- Entries supplied:

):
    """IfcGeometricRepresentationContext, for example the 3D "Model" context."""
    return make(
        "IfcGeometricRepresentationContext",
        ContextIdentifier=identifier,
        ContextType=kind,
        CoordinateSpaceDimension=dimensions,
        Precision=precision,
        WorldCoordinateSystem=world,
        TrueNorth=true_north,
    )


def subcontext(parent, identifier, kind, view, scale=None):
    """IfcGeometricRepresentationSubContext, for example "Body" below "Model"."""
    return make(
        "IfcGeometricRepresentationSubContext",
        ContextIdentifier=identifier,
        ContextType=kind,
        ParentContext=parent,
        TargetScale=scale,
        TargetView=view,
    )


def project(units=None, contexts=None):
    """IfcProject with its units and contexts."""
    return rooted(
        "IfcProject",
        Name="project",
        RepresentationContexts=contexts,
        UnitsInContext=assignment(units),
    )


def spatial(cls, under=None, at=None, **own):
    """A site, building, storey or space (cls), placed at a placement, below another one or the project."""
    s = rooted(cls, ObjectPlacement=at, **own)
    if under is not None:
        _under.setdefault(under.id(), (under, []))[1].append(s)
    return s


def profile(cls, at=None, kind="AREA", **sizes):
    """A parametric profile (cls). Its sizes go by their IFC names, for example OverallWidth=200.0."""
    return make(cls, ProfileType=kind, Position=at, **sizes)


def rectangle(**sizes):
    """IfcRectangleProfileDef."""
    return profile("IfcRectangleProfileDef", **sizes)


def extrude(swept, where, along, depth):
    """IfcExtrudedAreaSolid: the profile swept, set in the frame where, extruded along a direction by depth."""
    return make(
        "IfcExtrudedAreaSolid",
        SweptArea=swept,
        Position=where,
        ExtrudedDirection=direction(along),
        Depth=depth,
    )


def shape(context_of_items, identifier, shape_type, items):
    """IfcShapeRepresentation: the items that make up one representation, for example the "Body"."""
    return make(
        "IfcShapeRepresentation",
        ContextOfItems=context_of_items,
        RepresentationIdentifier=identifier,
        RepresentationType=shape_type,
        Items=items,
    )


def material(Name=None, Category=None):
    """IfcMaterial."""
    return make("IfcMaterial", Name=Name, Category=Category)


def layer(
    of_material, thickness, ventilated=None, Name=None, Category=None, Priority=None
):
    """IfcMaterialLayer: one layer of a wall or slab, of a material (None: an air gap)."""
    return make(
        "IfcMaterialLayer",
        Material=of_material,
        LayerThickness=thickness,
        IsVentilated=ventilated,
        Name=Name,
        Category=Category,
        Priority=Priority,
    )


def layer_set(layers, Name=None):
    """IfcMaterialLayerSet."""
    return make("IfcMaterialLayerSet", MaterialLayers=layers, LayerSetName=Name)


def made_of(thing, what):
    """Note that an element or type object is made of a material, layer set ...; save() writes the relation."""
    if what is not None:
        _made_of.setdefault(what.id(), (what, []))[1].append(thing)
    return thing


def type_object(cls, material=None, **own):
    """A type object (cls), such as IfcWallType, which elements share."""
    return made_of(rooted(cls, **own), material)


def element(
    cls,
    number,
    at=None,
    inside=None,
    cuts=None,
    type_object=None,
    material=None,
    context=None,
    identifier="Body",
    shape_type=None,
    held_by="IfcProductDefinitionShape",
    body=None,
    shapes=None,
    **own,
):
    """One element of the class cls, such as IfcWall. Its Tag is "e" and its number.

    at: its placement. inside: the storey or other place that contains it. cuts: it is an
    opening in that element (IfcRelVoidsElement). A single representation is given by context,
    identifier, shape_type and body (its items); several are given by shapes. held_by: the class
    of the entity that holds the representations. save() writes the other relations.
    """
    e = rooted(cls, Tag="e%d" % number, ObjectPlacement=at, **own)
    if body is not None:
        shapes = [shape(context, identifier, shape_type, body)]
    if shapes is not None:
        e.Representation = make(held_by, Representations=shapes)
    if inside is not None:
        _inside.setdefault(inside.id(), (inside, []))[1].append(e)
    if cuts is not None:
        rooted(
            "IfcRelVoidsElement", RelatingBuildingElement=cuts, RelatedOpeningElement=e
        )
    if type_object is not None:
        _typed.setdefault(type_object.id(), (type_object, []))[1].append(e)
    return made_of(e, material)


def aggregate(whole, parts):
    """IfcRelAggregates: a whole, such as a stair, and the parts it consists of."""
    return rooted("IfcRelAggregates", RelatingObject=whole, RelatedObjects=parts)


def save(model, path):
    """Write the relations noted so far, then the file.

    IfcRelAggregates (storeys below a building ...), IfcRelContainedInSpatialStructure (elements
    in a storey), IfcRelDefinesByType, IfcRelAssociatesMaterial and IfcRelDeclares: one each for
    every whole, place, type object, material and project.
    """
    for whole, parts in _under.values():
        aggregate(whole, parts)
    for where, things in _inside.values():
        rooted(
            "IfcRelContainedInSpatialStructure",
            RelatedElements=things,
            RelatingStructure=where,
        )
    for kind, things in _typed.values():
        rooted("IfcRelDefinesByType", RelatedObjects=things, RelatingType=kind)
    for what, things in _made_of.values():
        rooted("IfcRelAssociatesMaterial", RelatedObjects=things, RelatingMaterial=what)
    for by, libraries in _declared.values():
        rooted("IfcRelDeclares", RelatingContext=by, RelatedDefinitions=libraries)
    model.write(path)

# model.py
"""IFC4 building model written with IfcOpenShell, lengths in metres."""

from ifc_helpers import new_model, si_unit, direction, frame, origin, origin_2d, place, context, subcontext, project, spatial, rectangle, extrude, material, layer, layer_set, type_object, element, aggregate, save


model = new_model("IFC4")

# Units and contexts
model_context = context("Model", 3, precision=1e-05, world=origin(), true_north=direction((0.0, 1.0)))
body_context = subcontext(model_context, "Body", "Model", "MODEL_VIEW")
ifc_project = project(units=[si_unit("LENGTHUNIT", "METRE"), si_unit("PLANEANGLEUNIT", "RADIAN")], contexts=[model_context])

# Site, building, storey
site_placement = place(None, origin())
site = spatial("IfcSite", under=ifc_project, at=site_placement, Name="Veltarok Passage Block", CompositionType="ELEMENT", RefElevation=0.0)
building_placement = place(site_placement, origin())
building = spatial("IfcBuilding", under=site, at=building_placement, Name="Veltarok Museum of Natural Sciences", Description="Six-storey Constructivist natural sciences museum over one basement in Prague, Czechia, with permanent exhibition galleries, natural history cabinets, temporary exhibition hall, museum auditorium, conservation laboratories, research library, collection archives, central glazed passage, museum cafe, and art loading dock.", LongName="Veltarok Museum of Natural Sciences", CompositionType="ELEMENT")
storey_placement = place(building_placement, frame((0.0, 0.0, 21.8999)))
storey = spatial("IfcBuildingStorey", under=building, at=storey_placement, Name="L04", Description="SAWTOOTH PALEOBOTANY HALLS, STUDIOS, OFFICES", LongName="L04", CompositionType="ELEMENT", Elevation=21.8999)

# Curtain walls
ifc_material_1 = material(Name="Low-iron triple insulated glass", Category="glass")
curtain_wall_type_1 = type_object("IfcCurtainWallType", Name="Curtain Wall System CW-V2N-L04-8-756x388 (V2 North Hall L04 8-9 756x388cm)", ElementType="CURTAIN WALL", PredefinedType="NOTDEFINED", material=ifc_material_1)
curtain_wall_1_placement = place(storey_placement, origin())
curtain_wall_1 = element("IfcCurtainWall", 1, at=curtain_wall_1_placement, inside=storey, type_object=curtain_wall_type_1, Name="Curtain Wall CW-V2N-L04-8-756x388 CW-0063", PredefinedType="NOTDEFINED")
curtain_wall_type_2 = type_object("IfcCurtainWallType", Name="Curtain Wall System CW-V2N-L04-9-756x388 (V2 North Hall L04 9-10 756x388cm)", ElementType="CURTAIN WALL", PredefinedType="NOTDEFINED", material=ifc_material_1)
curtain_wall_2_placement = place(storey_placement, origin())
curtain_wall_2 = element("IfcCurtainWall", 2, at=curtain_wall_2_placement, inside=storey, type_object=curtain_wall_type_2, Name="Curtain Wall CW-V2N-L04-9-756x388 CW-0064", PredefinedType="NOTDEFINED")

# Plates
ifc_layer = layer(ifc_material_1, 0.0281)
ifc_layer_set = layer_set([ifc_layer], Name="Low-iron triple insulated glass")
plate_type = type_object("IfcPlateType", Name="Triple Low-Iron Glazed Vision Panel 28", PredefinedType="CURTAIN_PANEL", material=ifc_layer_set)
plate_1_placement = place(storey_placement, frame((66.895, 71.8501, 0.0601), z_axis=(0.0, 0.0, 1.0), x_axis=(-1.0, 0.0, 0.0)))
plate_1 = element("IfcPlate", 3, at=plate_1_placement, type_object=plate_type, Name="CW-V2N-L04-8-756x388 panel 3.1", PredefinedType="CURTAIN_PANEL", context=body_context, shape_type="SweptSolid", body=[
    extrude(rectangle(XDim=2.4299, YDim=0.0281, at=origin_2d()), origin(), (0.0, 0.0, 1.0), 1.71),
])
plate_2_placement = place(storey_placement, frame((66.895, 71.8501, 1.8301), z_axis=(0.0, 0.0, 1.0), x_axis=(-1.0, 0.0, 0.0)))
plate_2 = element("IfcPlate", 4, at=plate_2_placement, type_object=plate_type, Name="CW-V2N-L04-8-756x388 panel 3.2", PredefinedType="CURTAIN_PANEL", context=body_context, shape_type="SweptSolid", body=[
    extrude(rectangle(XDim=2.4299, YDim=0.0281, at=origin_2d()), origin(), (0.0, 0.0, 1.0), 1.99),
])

- Work request: Where a line in the records above contains the word "shapes", copy that line.

- Expected answer:
    shapes=None,
    identifier, shape_type and body (its items); several are given by shapes. held_by: the class
        shapes = [shape(context, identifier, shape_type, body)]
    if shapes is not None:
        e.Representation = make(held_by, Representations=shapes)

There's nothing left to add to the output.